# [Work order]
Would you restate, exactly as they appear, the lines from the one containing "#34=IFCINDEXEDPOLYGONALFACE((3,4,8,7));" through the end of the data below?

# [Data records]
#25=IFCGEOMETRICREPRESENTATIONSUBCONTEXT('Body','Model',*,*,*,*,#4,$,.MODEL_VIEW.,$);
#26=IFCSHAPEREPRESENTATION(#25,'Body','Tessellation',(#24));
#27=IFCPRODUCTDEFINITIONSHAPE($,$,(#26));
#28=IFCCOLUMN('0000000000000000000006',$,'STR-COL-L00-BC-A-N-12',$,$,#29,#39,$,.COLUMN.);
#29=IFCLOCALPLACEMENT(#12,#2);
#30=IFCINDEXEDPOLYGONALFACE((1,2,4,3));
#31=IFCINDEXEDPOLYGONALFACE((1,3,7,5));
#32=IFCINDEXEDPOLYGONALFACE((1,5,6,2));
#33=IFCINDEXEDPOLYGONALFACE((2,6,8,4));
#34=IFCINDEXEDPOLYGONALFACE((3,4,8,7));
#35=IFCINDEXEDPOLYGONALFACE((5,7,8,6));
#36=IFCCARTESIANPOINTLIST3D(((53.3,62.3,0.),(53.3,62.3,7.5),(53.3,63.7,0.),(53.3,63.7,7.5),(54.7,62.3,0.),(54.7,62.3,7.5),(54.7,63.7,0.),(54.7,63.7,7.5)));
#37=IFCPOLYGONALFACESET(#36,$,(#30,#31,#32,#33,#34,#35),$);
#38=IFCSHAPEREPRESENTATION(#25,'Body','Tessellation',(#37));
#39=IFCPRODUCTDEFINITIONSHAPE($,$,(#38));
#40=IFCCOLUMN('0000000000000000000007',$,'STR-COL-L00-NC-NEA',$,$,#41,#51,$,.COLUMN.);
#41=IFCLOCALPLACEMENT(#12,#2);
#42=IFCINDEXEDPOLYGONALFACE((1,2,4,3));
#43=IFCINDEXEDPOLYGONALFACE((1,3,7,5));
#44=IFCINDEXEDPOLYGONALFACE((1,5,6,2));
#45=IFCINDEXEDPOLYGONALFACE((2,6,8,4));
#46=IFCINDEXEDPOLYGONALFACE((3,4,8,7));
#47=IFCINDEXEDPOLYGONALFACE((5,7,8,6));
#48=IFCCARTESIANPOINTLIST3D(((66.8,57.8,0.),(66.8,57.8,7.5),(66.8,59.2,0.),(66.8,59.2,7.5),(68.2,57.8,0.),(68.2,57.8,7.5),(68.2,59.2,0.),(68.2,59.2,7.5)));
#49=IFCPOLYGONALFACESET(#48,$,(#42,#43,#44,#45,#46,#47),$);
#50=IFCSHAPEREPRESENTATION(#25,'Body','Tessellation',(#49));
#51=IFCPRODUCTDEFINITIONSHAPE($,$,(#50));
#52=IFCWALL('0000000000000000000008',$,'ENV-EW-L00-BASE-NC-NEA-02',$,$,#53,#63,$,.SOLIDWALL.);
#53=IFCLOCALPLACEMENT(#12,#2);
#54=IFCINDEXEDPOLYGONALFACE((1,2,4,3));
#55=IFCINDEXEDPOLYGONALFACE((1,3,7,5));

# [Task solution]
#34=IFCINDEXEDPOLYGONALFACE((3,4,8,7));
#35=IFCINDEXEDPOLYGONALFACE((5,7,8,6));
#36=IFCCARTESIANPOINTLIST3D(((53.3,62.3,0.),(53.3,62.3,7.5),(53.3,63.7,0.),(53.3,63.7,7.5),(54.7,62.3,0.),(54.7,62.3,7.5),(54.7,63.7,0.),(54.7,63.7,7.5)));
#37=IFCPOLYGONALFACESET(#36,$,(#30,#31,#32,#33,#34,#35),$);
#38=IFCSHAPEREPRESENTATION(#25,'Body','Tessellation',(#37));
#39=IFCPRODUCTDEFINITIONSHAPE($,$,(#38));
#40=IFCCOLUMN('0000000000000000000007',$,'STR-COL-L00-NC-NEA',$,$,#41,#51,$,.COLUMN.);
#41=IFCLOCALPLACEMENT(#12,#2);
#42=IFCINDEXEDPOLYGONALFACE((1,2,4,3));
#43=IFCINDEXEDPOLYGONALFACE((1,3,7,5));
#44=IFCINDEXEDPOLYGONALFACE((1,5,6,2));
#45=IFCINDEXEDPOLYGONALFACE((2,6,8,4));
#46=IFCINDEXEDPOLYGONALFACE((3,4,8,7));
#47=IFCINDEXEDPOLYGONALFACE((5,7,8,6));
#48=IFCCARTESIANPOINTLIST3D(((66.8,57.8,0.),(66.8,57.8,7.5),(66.8,59.2,0.),(66.8,59.2,7.5),(68.2,57.8,0.),(68.2,57.8,7.5),(68.2,59.2,0.),(68.2,59.2,7.5)));
#49=IFCPOLYGONALFACESET(#48,$,(#42,#43,#44,#45,#46,#47),$);
#50=IFCSHAPEREPRESENTATION(#25,'Body','Tessellation',(#49));
#51=IFCPRODUCTDEFINITIONSHAPE($,$,(#50));
#52=IFCWALL('0000000000000000000008',$,'ENV-EW-L00-BASE-NC-NEA-02',$,$,#53,#63,$,.SOLIDWALL.);
#53=IFCLOCALPLACEMENT(#12,#2);
#54=IFCINDEXEDPOLYGONALFACE((1,2,4,3));
#55=IFCINDEXEDPOLYGONALFACE((1,3,7,5));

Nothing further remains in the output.